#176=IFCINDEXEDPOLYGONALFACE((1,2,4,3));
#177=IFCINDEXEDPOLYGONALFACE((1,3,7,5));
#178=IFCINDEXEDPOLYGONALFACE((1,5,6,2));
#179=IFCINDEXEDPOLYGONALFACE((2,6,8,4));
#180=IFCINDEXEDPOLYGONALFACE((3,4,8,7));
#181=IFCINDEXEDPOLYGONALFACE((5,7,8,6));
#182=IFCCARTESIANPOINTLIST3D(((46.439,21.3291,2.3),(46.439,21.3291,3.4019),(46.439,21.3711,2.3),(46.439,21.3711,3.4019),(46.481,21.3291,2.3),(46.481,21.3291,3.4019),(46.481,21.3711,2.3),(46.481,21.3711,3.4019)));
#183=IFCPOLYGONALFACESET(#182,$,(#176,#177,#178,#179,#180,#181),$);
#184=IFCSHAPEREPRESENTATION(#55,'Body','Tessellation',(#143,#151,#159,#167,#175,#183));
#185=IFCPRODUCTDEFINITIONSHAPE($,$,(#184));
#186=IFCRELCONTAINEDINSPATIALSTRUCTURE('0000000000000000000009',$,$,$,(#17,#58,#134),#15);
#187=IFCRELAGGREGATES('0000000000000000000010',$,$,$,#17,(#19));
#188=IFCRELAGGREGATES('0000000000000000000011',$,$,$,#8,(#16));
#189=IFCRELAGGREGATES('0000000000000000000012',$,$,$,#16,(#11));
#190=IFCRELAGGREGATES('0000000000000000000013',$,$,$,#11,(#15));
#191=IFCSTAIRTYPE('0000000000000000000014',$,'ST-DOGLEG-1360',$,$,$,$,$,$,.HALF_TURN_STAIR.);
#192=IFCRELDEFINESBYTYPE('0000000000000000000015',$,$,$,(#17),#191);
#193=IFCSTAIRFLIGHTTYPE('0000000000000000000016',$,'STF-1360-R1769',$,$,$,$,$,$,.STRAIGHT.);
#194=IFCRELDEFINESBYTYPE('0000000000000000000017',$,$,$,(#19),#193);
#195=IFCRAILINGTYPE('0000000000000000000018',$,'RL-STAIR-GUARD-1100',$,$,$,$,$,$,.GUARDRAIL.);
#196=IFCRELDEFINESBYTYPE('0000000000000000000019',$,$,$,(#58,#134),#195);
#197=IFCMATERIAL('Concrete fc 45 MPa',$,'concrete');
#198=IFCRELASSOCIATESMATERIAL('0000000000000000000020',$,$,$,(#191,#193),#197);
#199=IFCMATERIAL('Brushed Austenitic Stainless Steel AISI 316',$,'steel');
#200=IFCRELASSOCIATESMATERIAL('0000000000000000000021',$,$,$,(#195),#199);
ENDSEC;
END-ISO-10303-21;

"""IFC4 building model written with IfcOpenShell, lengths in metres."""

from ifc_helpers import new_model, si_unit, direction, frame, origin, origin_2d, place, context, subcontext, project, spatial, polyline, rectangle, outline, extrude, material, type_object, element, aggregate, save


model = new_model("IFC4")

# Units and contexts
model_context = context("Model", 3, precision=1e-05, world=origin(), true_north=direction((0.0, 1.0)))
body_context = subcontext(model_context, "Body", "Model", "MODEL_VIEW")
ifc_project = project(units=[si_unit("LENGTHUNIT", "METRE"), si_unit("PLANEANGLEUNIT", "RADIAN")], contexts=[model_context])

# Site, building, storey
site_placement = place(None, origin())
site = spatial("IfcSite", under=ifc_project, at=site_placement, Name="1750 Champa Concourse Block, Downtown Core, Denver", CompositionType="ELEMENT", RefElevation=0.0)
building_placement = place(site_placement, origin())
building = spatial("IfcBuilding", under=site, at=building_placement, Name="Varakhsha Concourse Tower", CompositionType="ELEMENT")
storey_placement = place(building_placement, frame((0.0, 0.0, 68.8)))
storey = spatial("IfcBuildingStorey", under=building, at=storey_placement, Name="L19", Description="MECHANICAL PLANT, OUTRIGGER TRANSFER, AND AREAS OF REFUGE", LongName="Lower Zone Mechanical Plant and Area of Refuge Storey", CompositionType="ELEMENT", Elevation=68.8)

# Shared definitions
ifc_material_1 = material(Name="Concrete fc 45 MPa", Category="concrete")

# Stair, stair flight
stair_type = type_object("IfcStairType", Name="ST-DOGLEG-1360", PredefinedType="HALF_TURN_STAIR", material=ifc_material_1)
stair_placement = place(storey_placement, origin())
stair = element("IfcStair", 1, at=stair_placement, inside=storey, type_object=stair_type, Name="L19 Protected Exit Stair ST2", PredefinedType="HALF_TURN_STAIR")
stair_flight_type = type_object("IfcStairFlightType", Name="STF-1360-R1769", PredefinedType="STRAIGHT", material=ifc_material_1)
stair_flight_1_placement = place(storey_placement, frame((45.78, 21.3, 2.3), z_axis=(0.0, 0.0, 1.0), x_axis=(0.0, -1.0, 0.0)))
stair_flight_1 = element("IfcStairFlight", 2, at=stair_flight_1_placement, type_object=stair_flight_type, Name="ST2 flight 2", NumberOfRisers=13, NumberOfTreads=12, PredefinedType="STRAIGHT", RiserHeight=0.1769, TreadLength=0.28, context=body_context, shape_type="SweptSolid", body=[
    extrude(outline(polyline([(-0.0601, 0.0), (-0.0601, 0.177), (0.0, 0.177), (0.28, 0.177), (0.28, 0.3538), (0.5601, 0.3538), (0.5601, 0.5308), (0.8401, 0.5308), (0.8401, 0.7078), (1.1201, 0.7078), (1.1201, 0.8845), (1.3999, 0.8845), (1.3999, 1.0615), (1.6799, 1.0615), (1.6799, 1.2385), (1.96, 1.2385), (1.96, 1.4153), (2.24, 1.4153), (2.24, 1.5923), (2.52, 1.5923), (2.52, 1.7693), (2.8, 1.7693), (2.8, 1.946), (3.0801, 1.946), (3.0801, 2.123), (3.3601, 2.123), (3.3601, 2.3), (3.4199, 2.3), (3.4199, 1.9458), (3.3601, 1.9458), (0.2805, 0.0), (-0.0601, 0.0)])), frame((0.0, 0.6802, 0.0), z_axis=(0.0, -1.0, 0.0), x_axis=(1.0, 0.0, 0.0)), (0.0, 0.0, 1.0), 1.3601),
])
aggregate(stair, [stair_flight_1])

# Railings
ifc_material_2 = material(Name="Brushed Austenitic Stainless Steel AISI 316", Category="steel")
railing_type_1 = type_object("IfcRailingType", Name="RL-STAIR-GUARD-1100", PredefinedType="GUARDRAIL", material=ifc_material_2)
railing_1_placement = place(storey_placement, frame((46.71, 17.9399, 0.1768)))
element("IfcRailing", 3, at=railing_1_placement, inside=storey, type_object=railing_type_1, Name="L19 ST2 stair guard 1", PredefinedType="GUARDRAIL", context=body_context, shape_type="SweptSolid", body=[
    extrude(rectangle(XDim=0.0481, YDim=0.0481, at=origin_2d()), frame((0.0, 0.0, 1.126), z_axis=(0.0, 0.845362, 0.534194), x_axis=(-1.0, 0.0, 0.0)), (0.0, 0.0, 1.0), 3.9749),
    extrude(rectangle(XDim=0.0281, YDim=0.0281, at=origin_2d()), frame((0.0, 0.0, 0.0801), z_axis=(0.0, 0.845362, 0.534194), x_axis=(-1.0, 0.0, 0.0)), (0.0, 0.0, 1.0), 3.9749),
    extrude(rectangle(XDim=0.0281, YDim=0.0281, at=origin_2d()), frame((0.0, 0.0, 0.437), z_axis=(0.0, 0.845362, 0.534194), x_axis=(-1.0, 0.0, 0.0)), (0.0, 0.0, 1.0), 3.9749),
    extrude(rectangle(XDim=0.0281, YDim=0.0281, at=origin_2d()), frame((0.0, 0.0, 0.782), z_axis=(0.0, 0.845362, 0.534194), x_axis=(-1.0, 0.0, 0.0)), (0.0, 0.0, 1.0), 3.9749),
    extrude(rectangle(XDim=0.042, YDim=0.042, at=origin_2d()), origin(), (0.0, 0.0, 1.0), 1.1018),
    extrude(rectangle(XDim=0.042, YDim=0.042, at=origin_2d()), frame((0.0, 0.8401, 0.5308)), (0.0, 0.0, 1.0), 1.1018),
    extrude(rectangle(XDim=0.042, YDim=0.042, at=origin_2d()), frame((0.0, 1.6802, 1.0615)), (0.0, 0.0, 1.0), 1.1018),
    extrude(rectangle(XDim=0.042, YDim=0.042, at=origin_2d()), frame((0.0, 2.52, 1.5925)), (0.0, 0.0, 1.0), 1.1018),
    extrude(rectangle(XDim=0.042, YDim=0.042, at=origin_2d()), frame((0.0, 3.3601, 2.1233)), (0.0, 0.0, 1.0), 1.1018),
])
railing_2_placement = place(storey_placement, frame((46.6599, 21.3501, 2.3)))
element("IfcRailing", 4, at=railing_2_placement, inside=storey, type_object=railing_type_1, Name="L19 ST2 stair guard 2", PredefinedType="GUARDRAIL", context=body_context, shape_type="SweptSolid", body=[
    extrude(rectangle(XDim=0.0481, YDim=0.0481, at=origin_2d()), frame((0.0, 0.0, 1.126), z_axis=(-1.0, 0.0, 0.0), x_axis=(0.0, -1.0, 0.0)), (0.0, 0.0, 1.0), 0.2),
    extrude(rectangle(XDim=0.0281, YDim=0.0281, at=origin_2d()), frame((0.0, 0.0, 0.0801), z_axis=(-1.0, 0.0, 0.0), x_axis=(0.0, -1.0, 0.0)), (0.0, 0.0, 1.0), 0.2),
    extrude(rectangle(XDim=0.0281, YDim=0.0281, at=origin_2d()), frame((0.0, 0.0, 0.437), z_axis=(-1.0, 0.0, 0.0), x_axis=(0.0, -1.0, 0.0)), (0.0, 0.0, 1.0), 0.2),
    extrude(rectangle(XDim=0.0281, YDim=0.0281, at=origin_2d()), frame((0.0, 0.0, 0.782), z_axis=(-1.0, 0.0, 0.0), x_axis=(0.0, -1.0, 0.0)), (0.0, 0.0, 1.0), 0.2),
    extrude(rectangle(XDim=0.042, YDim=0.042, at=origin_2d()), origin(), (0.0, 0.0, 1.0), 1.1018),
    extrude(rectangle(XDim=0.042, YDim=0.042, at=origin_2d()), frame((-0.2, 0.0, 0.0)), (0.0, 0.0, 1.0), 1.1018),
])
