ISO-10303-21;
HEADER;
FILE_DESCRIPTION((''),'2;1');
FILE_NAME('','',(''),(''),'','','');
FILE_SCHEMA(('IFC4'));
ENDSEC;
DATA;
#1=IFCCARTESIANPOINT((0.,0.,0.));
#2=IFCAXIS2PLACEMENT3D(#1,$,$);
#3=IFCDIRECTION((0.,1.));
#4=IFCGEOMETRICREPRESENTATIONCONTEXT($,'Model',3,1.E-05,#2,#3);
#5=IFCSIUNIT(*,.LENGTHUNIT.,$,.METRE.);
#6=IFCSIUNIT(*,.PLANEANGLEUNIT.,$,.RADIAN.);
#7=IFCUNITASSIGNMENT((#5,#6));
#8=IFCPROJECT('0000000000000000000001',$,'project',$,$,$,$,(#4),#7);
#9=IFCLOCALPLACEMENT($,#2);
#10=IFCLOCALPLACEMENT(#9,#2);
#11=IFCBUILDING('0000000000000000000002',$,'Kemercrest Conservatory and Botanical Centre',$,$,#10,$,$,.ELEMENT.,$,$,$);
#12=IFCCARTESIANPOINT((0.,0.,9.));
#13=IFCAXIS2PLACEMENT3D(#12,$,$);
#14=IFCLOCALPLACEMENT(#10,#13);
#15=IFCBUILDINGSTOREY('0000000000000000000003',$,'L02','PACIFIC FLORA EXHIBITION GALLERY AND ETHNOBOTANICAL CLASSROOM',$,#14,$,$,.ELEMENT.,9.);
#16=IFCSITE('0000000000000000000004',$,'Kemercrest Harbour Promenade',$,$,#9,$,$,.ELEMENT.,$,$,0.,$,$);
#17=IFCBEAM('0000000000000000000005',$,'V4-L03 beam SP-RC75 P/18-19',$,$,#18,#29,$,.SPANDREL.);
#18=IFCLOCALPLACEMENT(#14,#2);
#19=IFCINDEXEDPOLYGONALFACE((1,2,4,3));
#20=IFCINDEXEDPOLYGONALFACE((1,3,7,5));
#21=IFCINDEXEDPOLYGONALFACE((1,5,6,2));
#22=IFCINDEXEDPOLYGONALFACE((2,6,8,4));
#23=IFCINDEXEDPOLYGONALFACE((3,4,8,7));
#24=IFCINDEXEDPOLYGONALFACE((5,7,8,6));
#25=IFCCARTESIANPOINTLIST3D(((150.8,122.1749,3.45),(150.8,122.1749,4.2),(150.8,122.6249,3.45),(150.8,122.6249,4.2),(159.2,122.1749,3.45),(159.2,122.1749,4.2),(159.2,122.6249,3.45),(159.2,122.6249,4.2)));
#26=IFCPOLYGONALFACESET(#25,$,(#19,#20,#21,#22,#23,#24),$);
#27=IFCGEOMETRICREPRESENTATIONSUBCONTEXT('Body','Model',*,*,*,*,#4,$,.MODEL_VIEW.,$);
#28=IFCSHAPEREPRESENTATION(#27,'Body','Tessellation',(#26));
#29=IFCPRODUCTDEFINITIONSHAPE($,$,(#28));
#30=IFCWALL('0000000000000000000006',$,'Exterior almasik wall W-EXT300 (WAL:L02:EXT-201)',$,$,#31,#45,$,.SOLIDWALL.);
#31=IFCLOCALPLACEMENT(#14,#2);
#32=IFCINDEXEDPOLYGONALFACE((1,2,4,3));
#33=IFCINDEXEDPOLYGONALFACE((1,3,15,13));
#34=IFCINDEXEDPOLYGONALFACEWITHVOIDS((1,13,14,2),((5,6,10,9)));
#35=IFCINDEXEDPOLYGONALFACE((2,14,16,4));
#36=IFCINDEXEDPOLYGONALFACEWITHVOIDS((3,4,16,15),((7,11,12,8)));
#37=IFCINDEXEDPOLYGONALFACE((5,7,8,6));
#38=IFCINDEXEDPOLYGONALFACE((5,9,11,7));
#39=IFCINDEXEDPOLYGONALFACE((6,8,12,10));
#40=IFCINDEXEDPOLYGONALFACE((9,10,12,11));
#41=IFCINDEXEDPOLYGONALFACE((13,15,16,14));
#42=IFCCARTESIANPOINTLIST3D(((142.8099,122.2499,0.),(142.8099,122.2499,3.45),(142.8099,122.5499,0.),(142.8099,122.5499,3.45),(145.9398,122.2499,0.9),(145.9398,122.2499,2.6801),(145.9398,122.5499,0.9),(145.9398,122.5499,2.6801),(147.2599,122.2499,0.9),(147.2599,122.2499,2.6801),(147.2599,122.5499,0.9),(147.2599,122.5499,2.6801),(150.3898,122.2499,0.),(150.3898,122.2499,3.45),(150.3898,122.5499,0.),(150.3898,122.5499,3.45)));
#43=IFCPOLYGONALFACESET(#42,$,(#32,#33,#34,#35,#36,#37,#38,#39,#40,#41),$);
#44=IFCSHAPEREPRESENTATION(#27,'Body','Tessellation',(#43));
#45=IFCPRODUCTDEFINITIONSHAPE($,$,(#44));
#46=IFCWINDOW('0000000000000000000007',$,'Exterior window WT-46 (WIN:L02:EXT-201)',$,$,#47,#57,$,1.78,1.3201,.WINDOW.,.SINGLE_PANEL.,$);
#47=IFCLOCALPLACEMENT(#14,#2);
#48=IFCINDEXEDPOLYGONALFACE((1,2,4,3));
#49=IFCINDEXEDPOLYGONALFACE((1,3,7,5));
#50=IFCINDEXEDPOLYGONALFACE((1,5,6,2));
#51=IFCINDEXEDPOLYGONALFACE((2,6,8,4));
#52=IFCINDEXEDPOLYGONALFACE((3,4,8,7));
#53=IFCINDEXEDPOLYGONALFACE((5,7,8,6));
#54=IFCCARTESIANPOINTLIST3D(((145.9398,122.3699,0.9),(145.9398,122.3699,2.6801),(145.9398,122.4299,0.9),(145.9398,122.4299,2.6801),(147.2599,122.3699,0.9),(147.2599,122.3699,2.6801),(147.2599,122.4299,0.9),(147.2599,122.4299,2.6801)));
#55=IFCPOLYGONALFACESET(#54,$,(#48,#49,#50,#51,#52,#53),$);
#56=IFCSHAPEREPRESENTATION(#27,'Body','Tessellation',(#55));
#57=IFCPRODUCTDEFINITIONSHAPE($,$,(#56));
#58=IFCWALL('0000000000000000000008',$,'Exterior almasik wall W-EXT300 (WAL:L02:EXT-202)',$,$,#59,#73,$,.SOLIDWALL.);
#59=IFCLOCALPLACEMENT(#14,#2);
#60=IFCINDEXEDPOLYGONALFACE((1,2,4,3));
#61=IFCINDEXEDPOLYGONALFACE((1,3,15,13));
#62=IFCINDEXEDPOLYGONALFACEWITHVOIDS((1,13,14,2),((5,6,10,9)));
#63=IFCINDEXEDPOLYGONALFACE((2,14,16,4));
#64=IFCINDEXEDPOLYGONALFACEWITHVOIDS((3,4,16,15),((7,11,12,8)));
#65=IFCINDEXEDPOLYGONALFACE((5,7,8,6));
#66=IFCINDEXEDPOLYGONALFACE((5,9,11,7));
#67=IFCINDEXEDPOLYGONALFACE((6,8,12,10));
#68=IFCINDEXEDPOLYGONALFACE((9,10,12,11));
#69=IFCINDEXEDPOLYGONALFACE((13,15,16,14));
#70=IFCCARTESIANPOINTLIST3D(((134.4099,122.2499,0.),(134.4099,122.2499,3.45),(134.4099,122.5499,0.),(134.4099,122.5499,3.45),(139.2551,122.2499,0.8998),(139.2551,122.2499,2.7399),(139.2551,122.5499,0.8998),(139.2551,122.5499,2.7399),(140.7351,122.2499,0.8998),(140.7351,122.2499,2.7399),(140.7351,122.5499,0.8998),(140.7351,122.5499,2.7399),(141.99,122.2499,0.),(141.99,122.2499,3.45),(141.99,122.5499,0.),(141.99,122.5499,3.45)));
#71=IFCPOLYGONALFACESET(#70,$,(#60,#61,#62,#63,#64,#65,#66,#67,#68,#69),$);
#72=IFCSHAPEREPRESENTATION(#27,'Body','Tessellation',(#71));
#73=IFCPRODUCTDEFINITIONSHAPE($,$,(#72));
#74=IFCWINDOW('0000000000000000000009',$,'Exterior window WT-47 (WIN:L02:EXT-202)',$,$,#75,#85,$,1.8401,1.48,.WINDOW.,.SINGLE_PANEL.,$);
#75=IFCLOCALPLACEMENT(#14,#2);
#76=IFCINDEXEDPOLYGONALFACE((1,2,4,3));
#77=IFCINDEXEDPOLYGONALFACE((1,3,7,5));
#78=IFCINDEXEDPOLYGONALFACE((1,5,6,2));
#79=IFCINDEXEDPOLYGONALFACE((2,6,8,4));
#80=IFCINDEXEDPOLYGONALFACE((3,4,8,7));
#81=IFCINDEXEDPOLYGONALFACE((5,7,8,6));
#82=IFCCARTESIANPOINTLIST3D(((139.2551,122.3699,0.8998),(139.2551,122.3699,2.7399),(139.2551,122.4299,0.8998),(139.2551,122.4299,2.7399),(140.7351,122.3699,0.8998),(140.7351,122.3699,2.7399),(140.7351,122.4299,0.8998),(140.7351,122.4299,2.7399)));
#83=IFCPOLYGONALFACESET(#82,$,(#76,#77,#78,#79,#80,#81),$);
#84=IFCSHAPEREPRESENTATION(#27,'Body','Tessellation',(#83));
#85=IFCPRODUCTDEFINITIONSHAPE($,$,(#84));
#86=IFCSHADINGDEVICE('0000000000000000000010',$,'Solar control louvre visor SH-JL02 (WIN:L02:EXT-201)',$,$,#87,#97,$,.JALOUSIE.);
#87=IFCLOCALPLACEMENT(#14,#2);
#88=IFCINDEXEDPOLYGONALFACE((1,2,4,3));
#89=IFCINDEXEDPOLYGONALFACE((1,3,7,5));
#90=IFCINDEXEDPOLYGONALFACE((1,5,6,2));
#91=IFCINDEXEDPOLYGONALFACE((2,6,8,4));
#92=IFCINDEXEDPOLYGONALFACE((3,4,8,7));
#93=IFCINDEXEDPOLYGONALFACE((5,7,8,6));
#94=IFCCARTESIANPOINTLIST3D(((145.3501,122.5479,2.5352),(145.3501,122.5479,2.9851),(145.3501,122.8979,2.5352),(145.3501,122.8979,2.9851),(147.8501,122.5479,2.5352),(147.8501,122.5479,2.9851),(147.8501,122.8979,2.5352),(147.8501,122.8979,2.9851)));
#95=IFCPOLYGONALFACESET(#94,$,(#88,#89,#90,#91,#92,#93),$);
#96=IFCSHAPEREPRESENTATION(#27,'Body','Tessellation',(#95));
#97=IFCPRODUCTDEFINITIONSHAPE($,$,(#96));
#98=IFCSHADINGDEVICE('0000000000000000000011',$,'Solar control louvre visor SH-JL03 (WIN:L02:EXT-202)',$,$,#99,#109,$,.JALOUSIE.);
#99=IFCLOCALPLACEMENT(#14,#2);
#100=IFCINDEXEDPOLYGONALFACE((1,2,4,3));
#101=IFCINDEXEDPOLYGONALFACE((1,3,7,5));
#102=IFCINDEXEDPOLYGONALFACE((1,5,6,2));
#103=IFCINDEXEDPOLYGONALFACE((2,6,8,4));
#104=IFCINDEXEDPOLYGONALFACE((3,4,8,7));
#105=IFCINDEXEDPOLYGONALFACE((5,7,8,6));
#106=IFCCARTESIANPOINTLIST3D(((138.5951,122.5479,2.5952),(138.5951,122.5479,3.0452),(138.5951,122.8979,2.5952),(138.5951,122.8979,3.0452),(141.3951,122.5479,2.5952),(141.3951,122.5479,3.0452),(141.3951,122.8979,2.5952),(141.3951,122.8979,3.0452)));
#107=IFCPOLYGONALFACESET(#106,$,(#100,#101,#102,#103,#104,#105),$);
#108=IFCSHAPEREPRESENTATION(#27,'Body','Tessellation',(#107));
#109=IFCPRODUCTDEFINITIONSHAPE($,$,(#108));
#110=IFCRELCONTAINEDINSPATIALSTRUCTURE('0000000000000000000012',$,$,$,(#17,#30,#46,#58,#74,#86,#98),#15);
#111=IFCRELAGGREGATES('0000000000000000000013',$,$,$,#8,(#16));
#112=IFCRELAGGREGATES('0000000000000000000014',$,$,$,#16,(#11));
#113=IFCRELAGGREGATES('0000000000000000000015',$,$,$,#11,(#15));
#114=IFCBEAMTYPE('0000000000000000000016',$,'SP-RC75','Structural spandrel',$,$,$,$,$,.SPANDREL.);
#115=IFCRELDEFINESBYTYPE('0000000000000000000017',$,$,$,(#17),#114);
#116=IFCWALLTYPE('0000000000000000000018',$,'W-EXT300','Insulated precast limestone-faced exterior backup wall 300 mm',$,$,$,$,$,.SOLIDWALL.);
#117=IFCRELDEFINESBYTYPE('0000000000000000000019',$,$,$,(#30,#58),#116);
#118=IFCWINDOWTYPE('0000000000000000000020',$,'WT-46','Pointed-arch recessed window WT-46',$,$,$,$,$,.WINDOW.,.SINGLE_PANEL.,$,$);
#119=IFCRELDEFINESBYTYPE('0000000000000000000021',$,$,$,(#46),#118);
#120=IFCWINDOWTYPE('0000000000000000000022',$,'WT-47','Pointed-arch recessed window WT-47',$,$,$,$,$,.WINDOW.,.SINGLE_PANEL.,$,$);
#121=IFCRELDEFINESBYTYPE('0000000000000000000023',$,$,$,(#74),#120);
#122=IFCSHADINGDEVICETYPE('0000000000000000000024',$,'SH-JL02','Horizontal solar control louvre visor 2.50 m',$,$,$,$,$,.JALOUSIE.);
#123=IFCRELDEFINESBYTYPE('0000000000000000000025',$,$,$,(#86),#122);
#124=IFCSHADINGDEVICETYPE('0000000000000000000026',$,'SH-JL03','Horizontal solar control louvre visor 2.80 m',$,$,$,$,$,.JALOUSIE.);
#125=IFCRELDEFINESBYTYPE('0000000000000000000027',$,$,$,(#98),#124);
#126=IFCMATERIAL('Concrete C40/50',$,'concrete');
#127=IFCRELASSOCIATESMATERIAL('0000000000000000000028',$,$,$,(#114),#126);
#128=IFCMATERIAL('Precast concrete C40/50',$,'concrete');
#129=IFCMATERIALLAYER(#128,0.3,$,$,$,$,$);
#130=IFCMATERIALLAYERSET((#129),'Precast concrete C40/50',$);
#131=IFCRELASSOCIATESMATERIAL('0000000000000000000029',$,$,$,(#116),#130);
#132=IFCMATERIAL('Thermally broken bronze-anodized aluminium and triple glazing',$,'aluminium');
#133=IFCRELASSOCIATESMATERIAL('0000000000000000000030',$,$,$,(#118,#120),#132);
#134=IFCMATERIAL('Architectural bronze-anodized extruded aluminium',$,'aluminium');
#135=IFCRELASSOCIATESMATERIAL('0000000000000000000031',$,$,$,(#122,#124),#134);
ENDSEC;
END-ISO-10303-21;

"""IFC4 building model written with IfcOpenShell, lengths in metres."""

from ifc_helpers import new_model, si_unit, direction, frame, frame_2d, origin, origin_2d, place, context, subcontext, project, spatial, rectangle, extrude, material, layer, layer_set, material_profile, profile_set, type_object, element, fill, save


model = new_model("IFC4")

# Units and contexts
model_context = context("Model", 3, precision=1e-05, world=origin(), true_north=direction((0.0, 1.0)))
body_context = subcontext(model_context, "Body", "Model", "MODEL_VIEW")
ifc_project = project(units=[si_unit("LENGTHUNIT", "METRE"), si_unit("PLANEANGLEUNIT", "RADIAN")], contexts=[model_context])

# Site, building, storey
site_placement = place(None, origin())
site = spatial("IfcSite", under=ifc_project, at=site_placement, Name="Kemercrest Harbour Promenade", CompositionType="ELEMENT", RefElevation=0.0)
building_placement = place(site_placement, origin())
building = spatial("IfcBuilding", under=site, at=building_placement, Name="Kemercrest Conservatory and Botanical Centre", CompositionType="ELEMENT")
storey_placement = place(building_placement, frame((0.0, 0.0, 9.0)))
storey = spatial("IfcBuildingStorey", under=building, at=storey_placement, Name="L02", Description="PACIFIC FLORA EXHIBITION GALLERY AND ETHNOBOTANICAL CLASSROOM", CompositionType="ELEMENT", Elevation=9.0)

# Beam
ifc_material_1 = material(Name="Concrete C40/50", Category="concrete")
ifc_material_2 = material(Name="Precast concrete C40/50", Category="concrete")
ifc_material_profile_1 = material_profile(ifc_material_1, rectangle(XDim=0.45, YDim=0.75, at=origin_2d()), Name="RC 450x750")
ifc_profile_set_1 = profile_set([ifc_material_profile_1], Name="Concrete C40/50")
beam_type_1 = type_object("IfcBeamType", Name="SP-RC75", Description="Structural spandrel", PredefinedType="SPANDREL", material=ifc_profile_set_1)
beam_1_placement = place(storey_placement, frame((150.8, 122.3999, 3.825), z_axis=(1.0, 0.0, 0.0), x_axis=(0.0, 1.0, 0.0)))
element("IfcBeam", 1, at=beam_1_placement, inside=storey, type_object=beam_type_1, Name="V4-L03 beam SP-RC75 P/18-19", PredefinedType="SPANDREL", context=body_context, shape_type="SweptSolid", body=[
    extrude(rectangle(XDim=0.45, YDim=0.75, at=origin_2d()), origin(), (0.0, 0.0, 1.0), 8.3999),
])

•••••

* **Task details**
From the top of the listing above, restate each line word for word up to and including the line with "#181=IFCINDEXEDPOLYGONALFACE((5,7,8,6));"; add nothing else.

* **Worked solution**
#176=IFCINDEXEDPOLYGONALFACE((1,2,4,3));
#177=IFCINDEXEDPOLYGONALFACE((1,3,7,5));
#178=IFCINDEXEDPOLYGONALFACE((1,5,6,2));
#179=IFCINDEXEDPOLYGONALFACE((2,6,8,4));
#180=IFCINDEXEDPOLYGONALFACE((3,4,8,7));
#181=IFCINDEXEDPOLYGONALFACE((5,7,8,6));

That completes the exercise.